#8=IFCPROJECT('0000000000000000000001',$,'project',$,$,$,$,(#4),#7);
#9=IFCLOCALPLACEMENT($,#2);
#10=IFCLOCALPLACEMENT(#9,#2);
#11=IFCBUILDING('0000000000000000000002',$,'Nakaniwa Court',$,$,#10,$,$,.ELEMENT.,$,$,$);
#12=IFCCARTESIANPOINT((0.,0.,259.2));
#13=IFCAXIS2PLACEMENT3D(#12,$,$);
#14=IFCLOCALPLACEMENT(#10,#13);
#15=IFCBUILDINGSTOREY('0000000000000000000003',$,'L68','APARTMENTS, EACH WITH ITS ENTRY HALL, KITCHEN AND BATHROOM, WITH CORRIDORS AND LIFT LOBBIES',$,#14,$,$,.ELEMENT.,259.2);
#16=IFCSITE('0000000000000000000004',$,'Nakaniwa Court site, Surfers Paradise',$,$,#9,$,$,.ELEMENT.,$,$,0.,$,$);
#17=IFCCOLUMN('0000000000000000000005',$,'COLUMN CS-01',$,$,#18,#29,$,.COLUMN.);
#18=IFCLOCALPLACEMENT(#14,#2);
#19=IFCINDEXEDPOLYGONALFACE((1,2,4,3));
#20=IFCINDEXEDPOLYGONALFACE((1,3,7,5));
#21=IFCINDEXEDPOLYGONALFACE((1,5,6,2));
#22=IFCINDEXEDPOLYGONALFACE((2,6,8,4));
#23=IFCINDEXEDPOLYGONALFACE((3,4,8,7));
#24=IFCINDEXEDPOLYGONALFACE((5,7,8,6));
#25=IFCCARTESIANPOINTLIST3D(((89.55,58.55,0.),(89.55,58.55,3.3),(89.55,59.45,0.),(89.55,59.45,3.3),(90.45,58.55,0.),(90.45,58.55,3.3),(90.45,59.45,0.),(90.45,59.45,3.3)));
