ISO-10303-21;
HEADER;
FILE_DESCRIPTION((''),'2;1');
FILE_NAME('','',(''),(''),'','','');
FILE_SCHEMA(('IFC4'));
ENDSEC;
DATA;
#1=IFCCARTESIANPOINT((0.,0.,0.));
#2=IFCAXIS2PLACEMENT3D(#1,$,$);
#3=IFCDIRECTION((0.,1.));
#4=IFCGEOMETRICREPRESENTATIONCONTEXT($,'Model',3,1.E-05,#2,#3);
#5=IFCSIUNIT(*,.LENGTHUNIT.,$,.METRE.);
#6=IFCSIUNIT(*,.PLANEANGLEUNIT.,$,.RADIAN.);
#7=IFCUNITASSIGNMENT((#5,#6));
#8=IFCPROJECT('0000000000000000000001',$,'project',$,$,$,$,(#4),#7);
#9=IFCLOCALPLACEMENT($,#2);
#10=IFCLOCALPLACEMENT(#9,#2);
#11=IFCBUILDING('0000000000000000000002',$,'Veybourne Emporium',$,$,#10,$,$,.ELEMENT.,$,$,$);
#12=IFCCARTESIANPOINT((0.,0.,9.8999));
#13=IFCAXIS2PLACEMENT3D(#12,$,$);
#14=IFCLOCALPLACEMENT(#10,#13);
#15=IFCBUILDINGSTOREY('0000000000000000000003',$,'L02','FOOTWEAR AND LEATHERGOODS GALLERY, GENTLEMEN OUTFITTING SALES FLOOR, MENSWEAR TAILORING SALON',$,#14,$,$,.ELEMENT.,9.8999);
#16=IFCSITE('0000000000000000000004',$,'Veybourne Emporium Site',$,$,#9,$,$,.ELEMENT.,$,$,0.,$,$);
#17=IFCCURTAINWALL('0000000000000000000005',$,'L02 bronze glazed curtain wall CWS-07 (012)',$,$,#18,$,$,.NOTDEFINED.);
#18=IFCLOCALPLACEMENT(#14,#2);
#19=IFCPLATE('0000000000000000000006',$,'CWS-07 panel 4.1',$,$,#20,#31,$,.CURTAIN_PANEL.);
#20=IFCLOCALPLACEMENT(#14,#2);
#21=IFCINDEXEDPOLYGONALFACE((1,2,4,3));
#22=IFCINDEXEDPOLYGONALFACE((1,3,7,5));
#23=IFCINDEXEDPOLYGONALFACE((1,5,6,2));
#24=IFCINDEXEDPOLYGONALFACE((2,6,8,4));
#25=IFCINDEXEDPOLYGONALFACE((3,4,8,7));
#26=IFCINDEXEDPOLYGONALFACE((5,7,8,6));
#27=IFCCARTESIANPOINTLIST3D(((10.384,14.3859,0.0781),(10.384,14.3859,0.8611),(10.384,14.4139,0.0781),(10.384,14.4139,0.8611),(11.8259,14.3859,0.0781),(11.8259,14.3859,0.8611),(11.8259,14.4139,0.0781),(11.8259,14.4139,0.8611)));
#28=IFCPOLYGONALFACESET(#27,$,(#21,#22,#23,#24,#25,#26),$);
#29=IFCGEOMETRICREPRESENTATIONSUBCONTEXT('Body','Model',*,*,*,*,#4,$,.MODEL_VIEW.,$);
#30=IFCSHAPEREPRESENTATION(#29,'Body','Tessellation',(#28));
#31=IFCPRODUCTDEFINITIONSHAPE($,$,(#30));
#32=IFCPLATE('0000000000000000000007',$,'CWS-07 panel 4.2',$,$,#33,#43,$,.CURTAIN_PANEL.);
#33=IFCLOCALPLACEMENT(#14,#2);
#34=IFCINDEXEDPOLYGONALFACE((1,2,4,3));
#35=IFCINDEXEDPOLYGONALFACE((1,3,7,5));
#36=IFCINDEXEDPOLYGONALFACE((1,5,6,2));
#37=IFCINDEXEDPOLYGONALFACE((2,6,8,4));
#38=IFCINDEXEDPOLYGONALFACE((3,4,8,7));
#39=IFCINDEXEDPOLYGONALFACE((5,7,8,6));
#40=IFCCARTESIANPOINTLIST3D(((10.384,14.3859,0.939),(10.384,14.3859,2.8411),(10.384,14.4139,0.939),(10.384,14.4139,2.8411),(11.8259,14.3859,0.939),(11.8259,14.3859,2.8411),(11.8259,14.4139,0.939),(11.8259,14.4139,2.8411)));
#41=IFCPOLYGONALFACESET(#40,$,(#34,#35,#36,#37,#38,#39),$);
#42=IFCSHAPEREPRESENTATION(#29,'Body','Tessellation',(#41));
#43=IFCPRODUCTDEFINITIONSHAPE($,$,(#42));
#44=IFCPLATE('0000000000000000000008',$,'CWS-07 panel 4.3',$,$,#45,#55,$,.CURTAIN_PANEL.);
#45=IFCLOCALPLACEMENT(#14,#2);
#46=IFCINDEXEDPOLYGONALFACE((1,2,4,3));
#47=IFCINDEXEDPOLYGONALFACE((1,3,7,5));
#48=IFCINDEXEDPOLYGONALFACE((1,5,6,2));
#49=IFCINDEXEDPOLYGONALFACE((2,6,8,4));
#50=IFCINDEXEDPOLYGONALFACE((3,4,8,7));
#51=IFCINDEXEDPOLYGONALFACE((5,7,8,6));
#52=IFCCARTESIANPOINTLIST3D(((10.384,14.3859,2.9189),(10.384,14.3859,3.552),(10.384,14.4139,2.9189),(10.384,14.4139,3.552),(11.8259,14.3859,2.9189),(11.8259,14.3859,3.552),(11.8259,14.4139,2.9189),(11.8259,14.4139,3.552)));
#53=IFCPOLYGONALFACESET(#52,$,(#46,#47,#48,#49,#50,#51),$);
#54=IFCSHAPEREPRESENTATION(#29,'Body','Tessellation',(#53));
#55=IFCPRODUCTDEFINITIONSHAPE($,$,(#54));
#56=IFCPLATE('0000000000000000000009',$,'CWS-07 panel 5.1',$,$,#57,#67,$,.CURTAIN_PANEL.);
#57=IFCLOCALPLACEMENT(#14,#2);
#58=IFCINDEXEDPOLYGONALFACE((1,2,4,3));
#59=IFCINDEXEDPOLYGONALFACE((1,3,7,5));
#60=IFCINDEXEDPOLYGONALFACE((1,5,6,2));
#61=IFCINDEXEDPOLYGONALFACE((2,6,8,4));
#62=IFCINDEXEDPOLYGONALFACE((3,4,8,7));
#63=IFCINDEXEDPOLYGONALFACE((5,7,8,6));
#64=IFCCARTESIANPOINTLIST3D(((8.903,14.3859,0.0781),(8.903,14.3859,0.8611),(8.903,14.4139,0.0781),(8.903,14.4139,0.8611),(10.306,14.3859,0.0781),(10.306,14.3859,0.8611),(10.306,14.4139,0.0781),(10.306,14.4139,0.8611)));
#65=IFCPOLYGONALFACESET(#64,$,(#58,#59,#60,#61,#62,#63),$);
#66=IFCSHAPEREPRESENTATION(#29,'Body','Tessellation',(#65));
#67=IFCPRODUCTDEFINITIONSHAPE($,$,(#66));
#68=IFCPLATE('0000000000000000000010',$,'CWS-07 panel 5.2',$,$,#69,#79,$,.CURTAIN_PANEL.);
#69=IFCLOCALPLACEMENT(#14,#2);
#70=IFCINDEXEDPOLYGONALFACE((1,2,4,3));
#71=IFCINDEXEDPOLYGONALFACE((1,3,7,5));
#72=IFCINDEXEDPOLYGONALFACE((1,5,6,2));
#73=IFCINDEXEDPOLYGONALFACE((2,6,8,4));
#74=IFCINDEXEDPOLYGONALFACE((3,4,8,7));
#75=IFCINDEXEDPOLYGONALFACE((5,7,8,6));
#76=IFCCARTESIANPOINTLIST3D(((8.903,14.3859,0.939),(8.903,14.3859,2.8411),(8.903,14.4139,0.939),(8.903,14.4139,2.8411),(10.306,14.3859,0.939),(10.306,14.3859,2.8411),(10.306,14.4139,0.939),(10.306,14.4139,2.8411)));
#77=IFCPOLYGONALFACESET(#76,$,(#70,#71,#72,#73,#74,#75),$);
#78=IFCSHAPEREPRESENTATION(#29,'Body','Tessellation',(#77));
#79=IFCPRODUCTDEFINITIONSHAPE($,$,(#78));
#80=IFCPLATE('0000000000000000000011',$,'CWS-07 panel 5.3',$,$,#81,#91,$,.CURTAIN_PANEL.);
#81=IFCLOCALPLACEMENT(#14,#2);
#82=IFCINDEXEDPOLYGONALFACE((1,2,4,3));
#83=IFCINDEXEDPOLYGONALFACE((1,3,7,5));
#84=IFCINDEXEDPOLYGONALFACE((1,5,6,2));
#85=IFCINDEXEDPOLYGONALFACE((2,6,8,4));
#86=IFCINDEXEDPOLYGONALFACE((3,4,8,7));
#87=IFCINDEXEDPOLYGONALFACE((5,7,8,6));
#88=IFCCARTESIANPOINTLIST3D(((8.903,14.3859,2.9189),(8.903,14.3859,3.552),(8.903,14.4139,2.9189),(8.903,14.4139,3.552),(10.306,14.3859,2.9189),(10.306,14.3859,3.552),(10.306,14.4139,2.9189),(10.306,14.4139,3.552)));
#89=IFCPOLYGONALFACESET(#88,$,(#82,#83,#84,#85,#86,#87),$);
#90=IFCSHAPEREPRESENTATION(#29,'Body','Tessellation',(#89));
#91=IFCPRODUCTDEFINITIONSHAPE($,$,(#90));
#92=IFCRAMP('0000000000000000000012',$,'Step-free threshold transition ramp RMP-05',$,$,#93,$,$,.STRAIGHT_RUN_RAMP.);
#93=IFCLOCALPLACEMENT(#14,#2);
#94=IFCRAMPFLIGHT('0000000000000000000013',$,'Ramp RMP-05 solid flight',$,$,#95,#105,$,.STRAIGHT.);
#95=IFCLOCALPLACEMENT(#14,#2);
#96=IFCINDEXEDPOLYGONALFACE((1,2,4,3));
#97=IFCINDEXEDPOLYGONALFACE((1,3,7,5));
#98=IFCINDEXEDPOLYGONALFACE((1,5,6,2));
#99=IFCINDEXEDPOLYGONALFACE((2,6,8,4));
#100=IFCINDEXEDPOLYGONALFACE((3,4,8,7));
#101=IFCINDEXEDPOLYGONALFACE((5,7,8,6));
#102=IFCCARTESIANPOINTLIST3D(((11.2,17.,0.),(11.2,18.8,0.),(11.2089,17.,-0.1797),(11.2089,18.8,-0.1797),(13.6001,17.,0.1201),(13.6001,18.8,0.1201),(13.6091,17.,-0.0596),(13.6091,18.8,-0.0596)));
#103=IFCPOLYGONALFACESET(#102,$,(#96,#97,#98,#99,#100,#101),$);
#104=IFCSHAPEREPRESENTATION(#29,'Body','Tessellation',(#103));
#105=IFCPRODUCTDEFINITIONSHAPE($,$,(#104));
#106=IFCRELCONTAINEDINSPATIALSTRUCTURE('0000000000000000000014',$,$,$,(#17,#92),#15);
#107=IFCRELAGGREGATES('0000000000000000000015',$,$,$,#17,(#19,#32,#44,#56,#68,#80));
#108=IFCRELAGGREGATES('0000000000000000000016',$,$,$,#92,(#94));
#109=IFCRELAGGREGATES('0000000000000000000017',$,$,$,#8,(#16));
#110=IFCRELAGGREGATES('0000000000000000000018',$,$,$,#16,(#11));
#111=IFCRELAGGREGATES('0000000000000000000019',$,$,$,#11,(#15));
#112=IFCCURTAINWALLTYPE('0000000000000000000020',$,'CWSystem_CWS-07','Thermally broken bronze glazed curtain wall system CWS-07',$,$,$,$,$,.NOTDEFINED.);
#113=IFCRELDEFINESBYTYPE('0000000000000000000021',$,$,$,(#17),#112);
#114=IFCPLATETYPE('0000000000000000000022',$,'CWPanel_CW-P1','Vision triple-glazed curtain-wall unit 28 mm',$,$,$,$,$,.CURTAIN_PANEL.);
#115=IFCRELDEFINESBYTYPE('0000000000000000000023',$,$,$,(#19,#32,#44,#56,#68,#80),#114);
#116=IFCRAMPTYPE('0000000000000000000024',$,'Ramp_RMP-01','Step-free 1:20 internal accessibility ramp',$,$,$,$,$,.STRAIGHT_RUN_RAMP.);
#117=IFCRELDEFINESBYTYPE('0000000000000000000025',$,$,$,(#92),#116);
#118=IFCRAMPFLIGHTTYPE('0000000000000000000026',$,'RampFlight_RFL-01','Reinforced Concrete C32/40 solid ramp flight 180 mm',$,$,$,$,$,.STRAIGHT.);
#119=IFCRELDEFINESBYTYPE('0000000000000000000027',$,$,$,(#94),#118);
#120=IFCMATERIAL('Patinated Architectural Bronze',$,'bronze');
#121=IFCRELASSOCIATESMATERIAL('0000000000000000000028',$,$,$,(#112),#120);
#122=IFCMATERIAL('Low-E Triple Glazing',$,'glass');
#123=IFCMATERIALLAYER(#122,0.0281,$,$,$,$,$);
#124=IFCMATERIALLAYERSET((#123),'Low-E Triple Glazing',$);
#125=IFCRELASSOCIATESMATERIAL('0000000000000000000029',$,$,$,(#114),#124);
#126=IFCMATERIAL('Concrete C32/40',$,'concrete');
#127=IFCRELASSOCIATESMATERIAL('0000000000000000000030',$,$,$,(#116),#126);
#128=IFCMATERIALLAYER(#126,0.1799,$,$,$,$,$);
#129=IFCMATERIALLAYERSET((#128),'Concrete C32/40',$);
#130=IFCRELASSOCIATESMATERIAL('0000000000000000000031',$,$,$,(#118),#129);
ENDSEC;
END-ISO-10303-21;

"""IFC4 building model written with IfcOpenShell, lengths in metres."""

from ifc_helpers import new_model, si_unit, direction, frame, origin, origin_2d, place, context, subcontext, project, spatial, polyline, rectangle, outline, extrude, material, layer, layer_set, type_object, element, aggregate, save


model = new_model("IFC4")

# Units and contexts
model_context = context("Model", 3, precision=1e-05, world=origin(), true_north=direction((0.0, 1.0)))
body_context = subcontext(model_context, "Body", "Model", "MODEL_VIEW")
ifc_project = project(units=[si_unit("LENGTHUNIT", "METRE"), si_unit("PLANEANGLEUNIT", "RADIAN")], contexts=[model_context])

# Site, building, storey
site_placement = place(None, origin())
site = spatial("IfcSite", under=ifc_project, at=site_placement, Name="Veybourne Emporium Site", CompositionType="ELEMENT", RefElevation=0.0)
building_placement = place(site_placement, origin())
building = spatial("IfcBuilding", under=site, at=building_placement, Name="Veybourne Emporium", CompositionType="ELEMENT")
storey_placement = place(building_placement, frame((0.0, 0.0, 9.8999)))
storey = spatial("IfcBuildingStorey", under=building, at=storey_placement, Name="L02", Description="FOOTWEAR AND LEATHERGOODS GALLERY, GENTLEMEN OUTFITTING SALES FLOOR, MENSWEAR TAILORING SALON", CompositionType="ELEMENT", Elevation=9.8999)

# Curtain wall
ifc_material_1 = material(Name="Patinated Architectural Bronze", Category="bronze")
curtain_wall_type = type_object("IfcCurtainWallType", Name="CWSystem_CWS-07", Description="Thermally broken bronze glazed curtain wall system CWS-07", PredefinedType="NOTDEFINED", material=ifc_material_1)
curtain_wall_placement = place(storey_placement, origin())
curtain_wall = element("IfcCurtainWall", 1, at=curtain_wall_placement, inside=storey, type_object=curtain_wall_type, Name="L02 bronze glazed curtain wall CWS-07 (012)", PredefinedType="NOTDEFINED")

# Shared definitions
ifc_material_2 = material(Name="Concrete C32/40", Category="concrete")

++++++++++++++++++++

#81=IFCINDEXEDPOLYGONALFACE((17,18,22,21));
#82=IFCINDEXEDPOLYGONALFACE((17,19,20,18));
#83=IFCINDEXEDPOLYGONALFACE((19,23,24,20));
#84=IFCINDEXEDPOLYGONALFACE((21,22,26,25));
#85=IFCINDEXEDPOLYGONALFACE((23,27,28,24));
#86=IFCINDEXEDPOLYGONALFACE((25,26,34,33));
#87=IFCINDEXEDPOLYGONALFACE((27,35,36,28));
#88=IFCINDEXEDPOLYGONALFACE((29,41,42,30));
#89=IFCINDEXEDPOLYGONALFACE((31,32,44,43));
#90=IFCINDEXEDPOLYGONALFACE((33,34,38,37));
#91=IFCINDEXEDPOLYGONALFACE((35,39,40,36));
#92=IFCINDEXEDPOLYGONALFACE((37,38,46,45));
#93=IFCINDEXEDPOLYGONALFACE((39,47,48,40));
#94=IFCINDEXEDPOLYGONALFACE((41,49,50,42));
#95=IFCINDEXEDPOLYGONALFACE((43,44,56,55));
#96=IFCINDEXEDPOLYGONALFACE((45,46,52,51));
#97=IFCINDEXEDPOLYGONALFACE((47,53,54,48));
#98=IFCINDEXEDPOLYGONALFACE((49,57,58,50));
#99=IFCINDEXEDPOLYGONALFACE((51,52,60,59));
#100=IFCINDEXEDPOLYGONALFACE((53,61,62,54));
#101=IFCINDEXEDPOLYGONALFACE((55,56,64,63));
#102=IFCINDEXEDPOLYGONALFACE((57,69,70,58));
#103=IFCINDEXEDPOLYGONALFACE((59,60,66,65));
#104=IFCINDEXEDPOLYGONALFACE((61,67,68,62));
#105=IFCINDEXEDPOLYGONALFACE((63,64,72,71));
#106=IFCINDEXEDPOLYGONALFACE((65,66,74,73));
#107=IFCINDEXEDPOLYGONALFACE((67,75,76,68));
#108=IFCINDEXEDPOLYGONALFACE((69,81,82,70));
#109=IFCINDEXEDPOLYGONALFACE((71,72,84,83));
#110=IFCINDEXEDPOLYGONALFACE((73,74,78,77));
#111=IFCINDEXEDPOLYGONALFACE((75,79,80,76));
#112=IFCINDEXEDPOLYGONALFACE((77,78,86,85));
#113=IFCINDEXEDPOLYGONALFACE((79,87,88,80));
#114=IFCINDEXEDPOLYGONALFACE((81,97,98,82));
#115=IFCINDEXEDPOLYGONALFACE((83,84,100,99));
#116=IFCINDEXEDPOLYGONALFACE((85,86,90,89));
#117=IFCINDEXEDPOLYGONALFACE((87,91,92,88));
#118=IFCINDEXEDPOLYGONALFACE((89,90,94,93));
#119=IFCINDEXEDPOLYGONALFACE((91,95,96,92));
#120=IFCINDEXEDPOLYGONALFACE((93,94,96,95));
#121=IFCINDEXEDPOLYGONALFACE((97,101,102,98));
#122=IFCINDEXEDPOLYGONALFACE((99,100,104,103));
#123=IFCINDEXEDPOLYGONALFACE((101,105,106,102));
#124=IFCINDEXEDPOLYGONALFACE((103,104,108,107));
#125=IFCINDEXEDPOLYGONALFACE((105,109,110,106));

++++++++++++++++++++

▶ **PROBLEM**
Retype the records above, but only those lines that fall between the line containing "#85=IFCINDEXEDPOLYGONALFACE((2,6,8,4));" and the line containing "#90=IFCSHAPEREPRESENTATION(#29,'Body','Tessellation',(#89));", with both of those lines included, exactly as written.

▶ **SOLUTION FOR THIS EXERCISE**
#85=IFCINDEXEDPOLYGONALFACE((2,6,8,4));
#86=IFCINDEXEDPOLYGONALFACE((3,4,8,7));
#87=IFCINDEXEDPOLYGONALFACE((5,7,8,6));
#88=IFCCARTESIANPOINTLIST3D(((8.903,14.3859,2.9189),(8.903,14.3859,3.552),(8.903,14.4139,2.9189),(8.903,14.4139,3.552),(10.306,14.3859,2.9189),(10.306,14.3859,3.552),(10.306,14.4139,2.9189),(10.306,14.4139,3.552)));
#89=IFCPOLYGONALFACESET(#88,$,(#82,#83,#84,#85,#86,#87),$);
#90=IFCSHAPEREPRESENTATION(#29,'Body','Tessellation',(#89));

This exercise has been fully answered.